■ About this task ■
Nothing but the lines from the start of the records below through the line that has "frame((0.0, 0.0, 9.52)))" should appear, each exactly as given.

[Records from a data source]
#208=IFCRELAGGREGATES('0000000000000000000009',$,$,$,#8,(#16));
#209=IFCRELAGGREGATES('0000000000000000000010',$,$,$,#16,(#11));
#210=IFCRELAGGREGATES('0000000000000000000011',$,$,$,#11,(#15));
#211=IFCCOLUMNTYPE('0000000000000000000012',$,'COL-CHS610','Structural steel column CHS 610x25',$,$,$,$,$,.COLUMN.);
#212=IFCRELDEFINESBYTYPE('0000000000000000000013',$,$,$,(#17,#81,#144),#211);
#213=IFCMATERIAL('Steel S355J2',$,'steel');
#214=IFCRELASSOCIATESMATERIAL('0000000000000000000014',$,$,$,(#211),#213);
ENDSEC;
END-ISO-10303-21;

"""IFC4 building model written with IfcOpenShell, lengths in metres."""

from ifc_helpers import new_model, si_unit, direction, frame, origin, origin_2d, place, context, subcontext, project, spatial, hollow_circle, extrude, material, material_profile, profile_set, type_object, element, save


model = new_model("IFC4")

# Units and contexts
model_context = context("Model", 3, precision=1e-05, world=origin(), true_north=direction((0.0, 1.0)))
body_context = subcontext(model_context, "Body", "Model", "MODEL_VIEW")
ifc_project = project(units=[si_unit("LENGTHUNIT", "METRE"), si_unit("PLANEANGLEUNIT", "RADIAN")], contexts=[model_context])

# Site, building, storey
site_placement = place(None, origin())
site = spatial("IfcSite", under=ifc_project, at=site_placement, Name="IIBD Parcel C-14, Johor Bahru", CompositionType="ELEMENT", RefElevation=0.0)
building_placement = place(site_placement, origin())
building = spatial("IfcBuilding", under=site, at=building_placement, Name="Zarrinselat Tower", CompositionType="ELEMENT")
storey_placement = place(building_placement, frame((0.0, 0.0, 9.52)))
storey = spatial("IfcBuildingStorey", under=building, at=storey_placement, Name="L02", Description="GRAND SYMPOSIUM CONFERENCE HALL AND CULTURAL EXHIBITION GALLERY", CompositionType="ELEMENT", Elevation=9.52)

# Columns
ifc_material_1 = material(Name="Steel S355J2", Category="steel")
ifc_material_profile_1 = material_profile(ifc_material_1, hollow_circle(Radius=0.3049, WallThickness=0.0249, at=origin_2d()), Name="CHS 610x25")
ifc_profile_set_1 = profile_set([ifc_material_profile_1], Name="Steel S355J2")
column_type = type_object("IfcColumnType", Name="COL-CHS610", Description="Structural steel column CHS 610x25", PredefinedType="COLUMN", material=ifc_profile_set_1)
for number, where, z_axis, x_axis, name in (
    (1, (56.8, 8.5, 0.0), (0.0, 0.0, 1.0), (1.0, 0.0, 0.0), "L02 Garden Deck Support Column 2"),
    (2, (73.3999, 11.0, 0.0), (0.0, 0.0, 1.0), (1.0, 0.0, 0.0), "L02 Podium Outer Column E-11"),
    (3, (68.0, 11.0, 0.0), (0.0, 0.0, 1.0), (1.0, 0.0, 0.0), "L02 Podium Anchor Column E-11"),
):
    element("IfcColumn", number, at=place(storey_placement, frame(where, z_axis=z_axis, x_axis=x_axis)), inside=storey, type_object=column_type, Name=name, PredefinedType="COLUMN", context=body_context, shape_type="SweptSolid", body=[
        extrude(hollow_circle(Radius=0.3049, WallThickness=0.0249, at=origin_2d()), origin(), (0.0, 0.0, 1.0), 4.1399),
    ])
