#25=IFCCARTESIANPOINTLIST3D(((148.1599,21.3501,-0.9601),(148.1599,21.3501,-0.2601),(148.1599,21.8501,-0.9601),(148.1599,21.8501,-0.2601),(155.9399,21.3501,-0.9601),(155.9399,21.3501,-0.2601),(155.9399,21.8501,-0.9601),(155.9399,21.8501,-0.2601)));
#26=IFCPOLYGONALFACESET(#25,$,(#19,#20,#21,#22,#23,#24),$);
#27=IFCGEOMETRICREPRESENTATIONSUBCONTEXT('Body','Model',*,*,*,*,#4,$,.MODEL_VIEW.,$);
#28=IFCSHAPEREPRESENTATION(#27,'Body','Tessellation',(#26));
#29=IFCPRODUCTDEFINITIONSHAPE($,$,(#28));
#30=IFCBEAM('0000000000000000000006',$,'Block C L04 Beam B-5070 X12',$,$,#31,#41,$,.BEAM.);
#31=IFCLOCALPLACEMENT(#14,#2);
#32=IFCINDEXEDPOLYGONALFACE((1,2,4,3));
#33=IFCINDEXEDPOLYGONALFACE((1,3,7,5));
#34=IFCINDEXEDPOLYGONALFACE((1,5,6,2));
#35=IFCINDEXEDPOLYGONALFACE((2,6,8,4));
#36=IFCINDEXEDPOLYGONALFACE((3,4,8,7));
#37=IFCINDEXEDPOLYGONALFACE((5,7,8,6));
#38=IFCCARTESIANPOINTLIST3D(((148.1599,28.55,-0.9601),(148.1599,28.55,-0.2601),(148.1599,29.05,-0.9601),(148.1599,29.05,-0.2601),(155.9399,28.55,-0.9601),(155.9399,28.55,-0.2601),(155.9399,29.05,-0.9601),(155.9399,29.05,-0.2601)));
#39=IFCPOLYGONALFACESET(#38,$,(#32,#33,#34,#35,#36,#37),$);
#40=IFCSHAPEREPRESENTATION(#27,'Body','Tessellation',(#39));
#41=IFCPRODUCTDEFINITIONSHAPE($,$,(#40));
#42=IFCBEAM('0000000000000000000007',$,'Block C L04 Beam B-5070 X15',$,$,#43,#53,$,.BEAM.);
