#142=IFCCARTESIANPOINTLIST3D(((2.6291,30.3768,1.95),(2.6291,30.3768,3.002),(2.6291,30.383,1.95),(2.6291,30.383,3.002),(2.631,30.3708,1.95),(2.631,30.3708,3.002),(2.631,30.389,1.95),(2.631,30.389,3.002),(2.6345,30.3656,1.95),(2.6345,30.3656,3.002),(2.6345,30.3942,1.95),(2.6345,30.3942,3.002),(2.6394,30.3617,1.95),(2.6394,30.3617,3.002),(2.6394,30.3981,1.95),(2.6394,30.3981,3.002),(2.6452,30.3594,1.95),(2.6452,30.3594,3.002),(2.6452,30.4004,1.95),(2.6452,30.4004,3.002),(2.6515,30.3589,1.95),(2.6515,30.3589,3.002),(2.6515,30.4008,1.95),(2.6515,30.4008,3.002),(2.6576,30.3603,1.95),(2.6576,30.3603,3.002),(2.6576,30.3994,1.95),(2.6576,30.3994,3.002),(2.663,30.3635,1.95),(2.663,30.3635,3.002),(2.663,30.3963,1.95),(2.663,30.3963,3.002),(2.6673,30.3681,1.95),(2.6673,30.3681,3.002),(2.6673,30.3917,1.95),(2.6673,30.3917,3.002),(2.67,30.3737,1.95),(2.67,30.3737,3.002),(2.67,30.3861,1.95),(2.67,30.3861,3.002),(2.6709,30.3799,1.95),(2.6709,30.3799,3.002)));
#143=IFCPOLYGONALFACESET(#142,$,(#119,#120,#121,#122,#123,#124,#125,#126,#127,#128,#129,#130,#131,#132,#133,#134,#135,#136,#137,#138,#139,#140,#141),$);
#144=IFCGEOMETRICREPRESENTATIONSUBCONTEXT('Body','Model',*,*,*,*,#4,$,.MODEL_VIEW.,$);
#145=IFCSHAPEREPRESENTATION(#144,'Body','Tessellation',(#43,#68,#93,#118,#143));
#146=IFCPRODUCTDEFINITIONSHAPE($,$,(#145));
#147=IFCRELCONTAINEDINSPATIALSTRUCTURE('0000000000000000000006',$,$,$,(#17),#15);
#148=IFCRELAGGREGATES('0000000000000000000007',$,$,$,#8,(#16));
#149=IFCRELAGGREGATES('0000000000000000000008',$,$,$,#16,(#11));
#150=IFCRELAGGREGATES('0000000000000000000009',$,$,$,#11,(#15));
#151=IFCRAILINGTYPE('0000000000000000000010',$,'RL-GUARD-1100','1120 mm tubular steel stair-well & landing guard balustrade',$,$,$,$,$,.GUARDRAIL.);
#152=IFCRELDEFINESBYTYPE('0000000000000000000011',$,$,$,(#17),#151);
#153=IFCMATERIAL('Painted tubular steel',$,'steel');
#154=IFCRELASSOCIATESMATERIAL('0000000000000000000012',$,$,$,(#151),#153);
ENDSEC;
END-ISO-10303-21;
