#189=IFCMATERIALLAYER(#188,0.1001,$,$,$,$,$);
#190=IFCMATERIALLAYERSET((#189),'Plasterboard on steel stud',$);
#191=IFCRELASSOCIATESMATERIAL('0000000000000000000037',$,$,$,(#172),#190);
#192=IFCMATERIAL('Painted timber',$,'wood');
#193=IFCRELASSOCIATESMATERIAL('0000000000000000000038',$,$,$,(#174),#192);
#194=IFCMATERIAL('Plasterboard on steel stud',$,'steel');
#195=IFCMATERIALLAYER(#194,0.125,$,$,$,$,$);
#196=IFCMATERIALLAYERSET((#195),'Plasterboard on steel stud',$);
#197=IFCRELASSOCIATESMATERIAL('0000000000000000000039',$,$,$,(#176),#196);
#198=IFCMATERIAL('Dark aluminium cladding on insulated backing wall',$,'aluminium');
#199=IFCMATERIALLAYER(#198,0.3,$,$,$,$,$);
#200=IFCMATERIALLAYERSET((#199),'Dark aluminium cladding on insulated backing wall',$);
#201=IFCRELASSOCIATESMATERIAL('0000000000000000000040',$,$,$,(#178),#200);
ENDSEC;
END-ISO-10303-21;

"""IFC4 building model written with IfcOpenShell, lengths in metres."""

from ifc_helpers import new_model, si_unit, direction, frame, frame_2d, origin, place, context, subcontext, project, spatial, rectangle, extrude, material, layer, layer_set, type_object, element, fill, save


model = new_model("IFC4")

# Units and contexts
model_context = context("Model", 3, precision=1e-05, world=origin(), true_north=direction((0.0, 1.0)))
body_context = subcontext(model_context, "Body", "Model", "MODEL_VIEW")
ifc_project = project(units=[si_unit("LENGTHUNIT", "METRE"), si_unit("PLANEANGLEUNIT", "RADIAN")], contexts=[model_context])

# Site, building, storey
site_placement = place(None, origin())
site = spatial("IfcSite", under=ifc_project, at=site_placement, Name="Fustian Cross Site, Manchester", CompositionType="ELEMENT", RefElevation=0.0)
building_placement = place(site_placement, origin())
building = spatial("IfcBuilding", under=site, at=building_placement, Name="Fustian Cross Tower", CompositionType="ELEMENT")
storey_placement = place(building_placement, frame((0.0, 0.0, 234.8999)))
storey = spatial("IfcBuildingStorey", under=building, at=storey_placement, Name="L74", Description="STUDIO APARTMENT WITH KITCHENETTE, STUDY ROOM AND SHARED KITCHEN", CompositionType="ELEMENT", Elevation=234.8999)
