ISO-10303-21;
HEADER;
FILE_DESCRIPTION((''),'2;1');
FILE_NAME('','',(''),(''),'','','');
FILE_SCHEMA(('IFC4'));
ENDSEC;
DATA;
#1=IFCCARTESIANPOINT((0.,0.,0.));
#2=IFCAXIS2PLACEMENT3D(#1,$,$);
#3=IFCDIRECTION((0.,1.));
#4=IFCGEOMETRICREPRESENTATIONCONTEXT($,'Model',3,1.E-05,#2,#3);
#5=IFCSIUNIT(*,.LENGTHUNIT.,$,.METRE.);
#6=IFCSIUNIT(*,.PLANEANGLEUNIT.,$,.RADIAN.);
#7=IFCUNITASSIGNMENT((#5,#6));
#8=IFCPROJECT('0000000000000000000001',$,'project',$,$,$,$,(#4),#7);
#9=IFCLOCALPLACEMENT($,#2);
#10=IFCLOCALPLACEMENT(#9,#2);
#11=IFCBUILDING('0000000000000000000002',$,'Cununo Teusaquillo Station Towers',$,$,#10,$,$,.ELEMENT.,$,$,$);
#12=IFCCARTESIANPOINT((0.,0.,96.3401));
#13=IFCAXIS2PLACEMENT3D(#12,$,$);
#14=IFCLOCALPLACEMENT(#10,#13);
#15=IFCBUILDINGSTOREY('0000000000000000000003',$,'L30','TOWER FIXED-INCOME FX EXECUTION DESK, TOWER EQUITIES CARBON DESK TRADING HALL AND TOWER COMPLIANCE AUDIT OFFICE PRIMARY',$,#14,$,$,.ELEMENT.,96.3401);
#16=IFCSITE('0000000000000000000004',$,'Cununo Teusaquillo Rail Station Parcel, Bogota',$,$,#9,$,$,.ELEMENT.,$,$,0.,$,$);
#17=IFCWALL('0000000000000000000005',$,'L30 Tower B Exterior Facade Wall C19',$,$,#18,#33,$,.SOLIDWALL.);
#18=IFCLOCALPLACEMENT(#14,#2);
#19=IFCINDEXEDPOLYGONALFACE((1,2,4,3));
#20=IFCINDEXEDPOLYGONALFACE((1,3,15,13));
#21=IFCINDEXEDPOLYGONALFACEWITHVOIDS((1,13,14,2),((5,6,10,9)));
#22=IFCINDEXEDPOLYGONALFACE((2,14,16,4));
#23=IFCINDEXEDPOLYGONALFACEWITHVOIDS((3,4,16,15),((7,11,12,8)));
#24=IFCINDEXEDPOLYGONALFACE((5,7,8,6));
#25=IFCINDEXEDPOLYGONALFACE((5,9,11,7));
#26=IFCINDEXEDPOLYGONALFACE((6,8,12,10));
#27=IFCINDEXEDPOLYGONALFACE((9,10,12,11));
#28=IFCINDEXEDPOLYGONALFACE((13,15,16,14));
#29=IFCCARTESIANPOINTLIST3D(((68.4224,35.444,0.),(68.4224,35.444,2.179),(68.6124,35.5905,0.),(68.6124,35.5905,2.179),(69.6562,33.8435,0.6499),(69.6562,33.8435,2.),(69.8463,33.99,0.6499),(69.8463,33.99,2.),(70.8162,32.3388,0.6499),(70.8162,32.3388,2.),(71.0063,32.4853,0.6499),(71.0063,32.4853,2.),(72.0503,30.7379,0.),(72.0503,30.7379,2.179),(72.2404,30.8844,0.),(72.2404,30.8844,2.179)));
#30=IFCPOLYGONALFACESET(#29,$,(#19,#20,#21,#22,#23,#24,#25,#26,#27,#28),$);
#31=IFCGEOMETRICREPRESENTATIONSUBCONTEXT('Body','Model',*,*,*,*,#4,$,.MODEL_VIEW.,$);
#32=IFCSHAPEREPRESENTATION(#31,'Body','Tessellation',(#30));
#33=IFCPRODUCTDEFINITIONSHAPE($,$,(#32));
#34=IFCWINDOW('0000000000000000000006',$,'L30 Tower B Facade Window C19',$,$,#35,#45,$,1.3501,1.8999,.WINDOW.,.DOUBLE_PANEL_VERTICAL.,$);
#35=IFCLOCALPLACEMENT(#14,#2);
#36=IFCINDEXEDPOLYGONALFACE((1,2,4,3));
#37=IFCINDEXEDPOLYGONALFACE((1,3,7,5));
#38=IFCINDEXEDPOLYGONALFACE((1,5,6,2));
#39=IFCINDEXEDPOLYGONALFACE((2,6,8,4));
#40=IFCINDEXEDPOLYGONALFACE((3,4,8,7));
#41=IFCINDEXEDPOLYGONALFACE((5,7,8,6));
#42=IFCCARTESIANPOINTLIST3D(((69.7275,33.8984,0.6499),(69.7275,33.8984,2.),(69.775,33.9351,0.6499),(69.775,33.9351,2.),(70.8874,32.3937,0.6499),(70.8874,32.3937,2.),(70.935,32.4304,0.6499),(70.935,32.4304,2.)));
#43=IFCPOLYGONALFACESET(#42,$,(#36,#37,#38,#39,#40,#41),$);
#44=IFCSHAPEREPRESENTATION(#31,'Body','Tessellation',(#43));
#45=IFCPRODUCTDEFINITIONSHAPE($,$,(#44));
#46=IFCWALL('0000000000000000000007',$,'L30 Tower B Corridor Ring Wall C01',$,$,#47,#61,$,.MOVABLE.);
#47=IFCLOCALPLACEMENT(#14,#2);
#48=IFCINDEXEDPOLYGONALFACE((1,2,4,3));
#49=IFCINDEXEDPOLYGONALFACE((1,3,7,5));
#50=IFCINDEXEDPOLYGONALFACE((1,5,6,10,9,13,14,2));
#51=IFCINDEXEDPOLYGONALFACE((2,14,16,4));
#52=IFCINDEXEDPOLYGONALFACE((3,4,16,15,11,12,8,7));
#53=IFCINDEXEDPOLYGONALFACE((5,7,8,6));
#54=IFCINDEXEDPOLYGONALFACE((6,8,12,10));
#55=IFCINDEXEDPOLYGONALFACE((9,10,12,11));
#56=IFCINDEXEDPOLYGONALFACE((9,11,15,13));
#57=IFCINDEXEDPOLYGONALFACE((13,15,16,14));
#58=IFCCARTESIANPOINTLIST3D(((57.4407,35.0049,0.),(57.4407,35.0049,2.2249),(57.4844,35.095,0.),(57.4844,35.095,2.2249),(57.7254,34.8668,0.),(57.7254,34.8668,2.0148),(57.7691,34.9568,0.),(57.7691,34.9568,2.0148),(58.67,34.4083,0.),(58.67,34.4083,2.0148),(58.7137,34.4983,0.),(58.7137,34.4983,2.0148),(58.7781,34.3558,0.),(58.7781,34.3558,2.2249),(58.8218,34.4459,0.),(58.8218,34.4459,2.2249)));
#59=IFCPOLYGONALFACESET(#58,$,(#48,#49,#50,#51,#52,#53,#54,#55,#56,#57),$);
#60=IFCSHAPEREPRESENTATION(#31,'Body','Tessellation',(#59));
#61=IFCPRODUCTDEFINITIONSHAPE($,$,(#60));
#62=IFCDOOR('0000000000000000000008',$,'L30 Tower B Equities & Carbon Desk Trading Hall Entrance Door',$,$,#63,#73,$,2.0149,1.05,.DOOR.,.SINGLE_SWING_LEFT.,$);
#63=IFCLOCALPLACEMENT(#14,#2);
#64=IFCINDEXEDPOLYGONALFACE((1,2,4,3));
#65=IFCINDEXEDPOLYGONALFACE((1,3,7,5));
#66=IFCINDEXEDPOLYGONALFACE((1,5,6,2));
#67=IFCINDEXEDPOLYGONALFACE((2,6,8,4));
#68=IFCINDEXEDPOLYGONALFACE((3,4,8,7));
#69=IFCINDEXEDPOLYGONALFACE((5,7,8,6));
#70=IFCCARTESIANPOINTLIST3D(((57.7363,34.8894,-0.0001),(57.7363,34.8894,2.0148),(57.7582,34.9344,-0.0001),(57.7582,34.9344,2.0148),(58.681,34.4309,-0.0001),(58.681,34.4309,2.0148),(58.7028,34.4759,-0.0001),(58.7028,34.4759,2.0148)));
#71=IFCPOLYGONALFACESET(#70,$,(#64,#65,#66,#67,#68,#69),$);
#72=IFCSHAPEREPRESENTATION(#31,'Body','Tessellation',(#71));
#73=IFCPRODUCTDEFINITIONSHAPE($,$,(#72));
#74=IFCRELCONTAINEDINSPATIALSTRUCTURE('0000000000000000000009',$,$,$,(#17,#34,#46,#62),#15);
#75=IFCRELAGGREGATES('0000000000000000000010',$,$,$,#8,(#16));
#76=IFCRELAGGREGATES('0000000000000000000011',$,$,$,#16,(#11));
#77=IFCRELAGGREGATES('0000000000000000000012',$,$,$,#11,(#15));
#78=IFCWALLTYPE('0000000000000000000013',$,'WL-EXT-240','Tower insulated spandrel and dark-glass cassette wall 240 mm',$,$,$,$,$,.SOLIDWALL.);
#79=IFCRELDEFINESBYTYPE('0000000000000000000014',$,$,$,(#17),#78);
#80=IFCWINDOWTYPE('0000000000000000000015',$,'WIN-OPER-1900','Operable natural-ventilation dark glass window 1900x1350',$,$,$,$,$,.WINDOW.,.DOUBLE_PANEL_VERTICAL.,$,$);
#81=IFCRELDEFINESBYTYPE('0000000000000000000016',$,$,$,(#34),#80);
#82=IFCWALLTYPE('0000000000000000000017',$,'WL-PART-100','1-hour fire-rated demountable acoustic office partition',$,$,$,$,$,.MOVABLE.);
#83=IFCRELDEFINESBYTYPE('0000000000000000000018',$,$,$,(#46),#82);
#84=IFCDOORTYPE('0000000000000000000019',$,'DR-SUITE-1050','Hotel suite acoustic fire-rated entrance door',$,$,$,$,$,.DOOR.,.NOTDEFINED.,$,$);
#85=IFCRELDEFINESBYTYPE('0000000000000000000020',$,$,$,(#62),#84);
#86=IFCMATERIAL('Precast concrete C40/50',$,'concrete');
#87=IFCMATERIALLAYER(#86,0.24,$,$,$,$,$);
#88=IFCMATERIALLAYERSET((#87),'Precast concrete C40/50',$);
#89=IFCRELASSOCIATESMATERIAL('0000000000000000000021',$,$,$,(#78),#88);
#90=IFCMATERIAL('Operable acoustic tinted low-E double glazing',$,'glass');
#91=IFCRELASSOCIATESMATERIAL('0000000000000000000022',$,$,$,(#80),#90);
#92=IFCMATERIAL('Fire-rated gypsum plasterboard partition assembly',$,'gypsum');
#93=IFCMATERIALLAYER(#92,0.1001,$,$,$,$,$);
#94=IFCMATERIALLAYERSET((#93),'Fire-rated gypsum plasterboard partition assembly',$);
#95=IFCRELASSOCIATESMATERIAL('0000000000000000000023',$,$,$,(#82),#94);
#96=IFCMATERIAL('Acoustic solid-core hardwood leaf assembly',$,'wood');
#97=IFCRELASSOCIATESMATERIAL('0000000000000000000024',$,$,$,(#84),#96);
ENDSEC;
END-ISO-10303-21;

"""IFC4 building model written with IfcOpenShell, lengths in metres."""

from ifc_helpers import new_model, si_unit, direction, frame, frame_2d, origin, place, context, subcontext, project, spatial, rectangle, extrude, source, transform, mapped, material, layer, layer_set, type_object, element, fill, save


model = new_model("IFC4")

# Units and contexts
model_context = context("Model", 3, precision=1e-05, world=origin(), true_north=direction((0.0, 1.0)))
body_context = subcontext(model_context, "Body", "Model", "MODEL_VIEW")
ifc_project = project(units=[si_unit("LENGTHUNIT", "METRE"), si_unit("PLANEANGLEUNIT", "RADIAN")], contexts=[model_context])

# Site, building, storey
site_placement = place(None, origin())
site = spatial("IfcSite", under=ifc_project, at=site_placement, Name="Cununo Teusaquillo Rail Station Parcel, Bogota", CompositionType="ELEMENT", RefElevation=0.0)
building_placement = place(site_placement, origin())
building = spatial("IfcBuilding", under=site, at=building_placement, Name="Cununo Teusaquillo Station Towers", CompositionType="ELEMENT")
storey_placement = place(building_placement, frame((0.0, 0.0, 96.3401)))
storey = spatial("IfcBuildingStorey", under=building, at=storey_placement, Name="L30", Description="TOWER FIXED-INCOME FX EXECUTION DESK, TOWER EQUITIES CARBON DESK TRADING HALL AND TOWER COMPLIANCE AUDIT OFFICE PRIMARY", CompositionType="ELEMENT", Elevation=96.3401)

# Shared definitions
ifc_material_1 = material(Name="Precast concrete C40/50", Category="concrete")
ifc_layer_1 = layer(ifc_material_1, 0.24)
ifc_layer_set_1 = layer_set([ifc_layer_1], Name="Precast concrete C40/50")
wall_type_1 = type_object("IfcWallType", Name="WL-EXT-240", Description="Tower insulated spandrel and dark-glass cassette wall 240 mm", PredefinedType="SOLIDWALL", material=ifc_layer_set_1)

# Wall, opening, window
wall_1_placement = place(storey_placement, frame((68.5173, 35.5173, 0.0), z_axis=(0.0, 0.0, 1.0), x_axis=(0.610544, -0.791982, 0.0)))
wall_1 = element("IfcWall", 1, at=wall_1_placement, inside=storey, type_object=wall_type_1, Name="L30 Tower B Exterior Facade Wall C19", PredefinedType="SOLIDWALL", context=body_context, shape_type="SweptSolid", body=[
    extrude(rectangle(XDim=5.9421, YDim=0.24, at=frame_2d((2.9712, 0.0))), origin(), (0.0, 0.0, 1.0), 2.179),
])
shared_shape_1 = source(origin(), body_context, "Body", "SweptSolid", [
    extrude(rectangle(XDim=1.8999, YDim=1.3501, at=frame_2d((0.95, 0.675))), frame((0.0, 0.1299, 0.0), z_axis=(0.0, -1.0, 0.0), x_axis=(1.0, 0.0, 0.0)), (0.0, 0.0, 1.0), 0.26),
])
opening_1_placement = place(wall_1_placement, frame((2.021, 0.0, 0.6499)))
opening_1 = element("IfcOpeningElement", 2, at=opening_1_placement, cuts=wall_1, PredefinedType="OPENING", context=body_context, shape_type="MappedRepresentation", body=[
    mapped(shared_shape_1, transform((0.0, 0.0, 0.0), x_axis=(1.0, 0.0, 0.0), y_axis=(0.0, 1.0, 0.0), z_axis=(0.0, 0.0, 1.0), scale=1.0)),
])
ifc_material_2 = material(Name="Operable acoustic tinted low-E double glazing", Category="glass")
window_type = type_object("IfcWindowType", Name="WIN-OPER-1900", Description="Operable natural-ventilation dark glass window 1900x1350", PartitioningType="DOUBLE_PANEL_VERTICAL", PredefinedType="WINDOW", material=ifc_material_2)
shared_shape_2 = source(origin(), body_context, "Body", "SweptSolid", [
    extrude(rectangle(XDim=1.8999, YDim=1.3501, at=frame_2d((0.95, 0.675))), frame((0.0, 0.03, 0.0), z_axis=(0.0, -1.0, 0.0), x_axis=(1.0, 0.0, 0.0)), (0.0, 0.0, 1.0), 0.0601),
])
window_placement = place(opening_1_placement, origin())
window = element("IfcWindow", 3, at=window_placement, inside=storey, type_object=window_type, Name="L30 Tower B Facade Window C19", OverallHeight=1.3501, OverallWidth=1.8999, PartitioningType="DOUBLE_PANEL_VERTICAL", PredefinedType="WINDOW", context=body_context, shape_type="MappedRepresentation", body=[
    mapped(shared_shape_2, transform((0.0, 0.0, 0.0), x_axis=(1.0, 0.0, 0.0), y_axis=(0.0, 1.0, 0.0), z_axis=(0.0, 0.0, 1.0), scale=1.0)),
])
fill(opening_1, window)

# Wall, opening, door
ifc_material_3 = material(Name="Fire-rated gypsum plasterboard partition assembly", Category="gypsum")
ifc_layer_2 = layer(ifc_material_3, 0.1001)
ifc_layer_set_2 = layer_set([ifc_layer_2], Name="Fire-rated gypsum plasterboard partition assembly")
wall_type_2 = type_object("IfcWallType", Name="WL-PART-100", Description="1-hour fire-rated demountable acoustic office partition", PredefinedType="MOVABLE", material=ifc_layer_set_2)
wall_2_placement = place(storey_placement, frame((58.7998, 34.4009, 0.0), z_axis=(0.0, 0.0, 1.0), x_axis=(-0.899621, 0.436672, 0.0)))
wall_2 = element("IfcWall", 4, at=wall_2_placement, inside=storey, type_object=wall_type_2, Name="L30 Tower B Corridor Ring Wall C01", PredefinedType="MOVABLE", context=body_context, shape_type="SweptSolid", body=[
    extrude(rectangle(XDim=1.4866, YDim=0.1001, at=frame_2d((0.7432, 0.0))), origin(), (0.0, 0.0, 1.0), 2.2249),
])
shared_shape_3 = source(origin(), body_context, "Body", "SweptSolid", [
    extrude(rectangle(XDim=1.05, YDim=2.0149, at=frame_2d((0.5249, 1.0073))), frame((0.0, 0.0601, 0.0), z_axis=(0.0, -1.0, 0.0), x_axis=(1.0, 0.0, 0.0)), (0.0, 0.0, 1.0), 0.1201),
])
opening_2_placement = place(wall_2_placement, frame((0.1201, 0.0, 0.0)))
opening_2 = element("IfcOpeningElement", 5, at=opening_2_placement, cuts=wall_2, PredefinedType="OPENING", context=body_context, shape_type="MappedRepresentation", body=[
    mapped(shared_shape_3, transform((0.0, 0.0, 0.0), x_axis=(1.0, 0.0, 0.0), y_axis=(0.0, 1.0, 0.0), z_axis=(0.0, 0.0, 1.0), scale=1.0)),
])
ifc_material_4 = material(Name="Acoustic solid-core hardwood leaf assembly", Category="wood")
door_type = type_object("IfcDoorType", Name="DR-SUITE-1050", Description="Hotel suite acoustic fire-rated entrance door", OperationType="NOTDEFINED", PredefinedType="DOOR", material=ifc_material_4)
shared_shape_4 = source(origin(), body_context, "Body", "SweptSolid", [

■ Solution ■
#208=IFCRELAGGREGATES('0000000000000000000009',$,$,$,#8,(#16));
#209=IFCRELAGGREGATES('0000000000000000000010',$,$,$,#16,(#11));
#210=IFCRELAGGREGATES('0000000000000000000011',$,$,$,#11,(#15));
#211=IFCCOLUMNTYPE('0000000000000000000012',$,'COL-CHS610','Structural steel column CHS 610x25',$,$,$,$,$,.COLUMN.);
#212=IFCRELDEFINESBYTYPE('0000000000000000000013',$,$,$,(#17,#81,#144),#211);
#213=IFCMATERIAL('Steel S355J2',$,'steel');
#214=IFCRELASSOCIATESMATERIAL('0000000000000000000014',$,$,$,(#211),#213);
ENDSEC;
END-ISO-10303-21;

"""IFC4 building model written with IfcOpenShell, lengths in metres."""

from ifc_helpers import new_model, si_unit, direction, frame, origin, origin_2d, place, context, subcontext, project, spatial, hollow_circle, extrude, material, material_profile, profile_set, type_object, element, save


model = new_model("IFC4")

# Units and contexts
model_context = context("Model", 3, precision=1e-05, world=origin(), true_north=direction((0.0, 1.0)))
body_context = subcontext(model_context, "Body", "Model", "MODEL_VIEW")
ifc_project = project(units=[si_unit("LENGTHUNIT", "METRE"), si_unit("PLANEANGLEUNIT", "RADIAN")], contexts=[model_context])

# Site, building, storey
site_placement = place(None, origin())
site = spatial("IfcSite", under=ifc_project, at=site_placement, Name="IIBD Parcel C-14, Johor Bahru", CompositionType="ELEMENT", RefElevation=0.0)
building_placement = place(site_placement, origin())
building = spatial("IfcBuilding", under=site, at=building_placement, Name="Zarrinselat Tower", CompositionType="ELEMENT")
storey_placement = place(building_placement, frame((0.0, 0.0, 9.52)))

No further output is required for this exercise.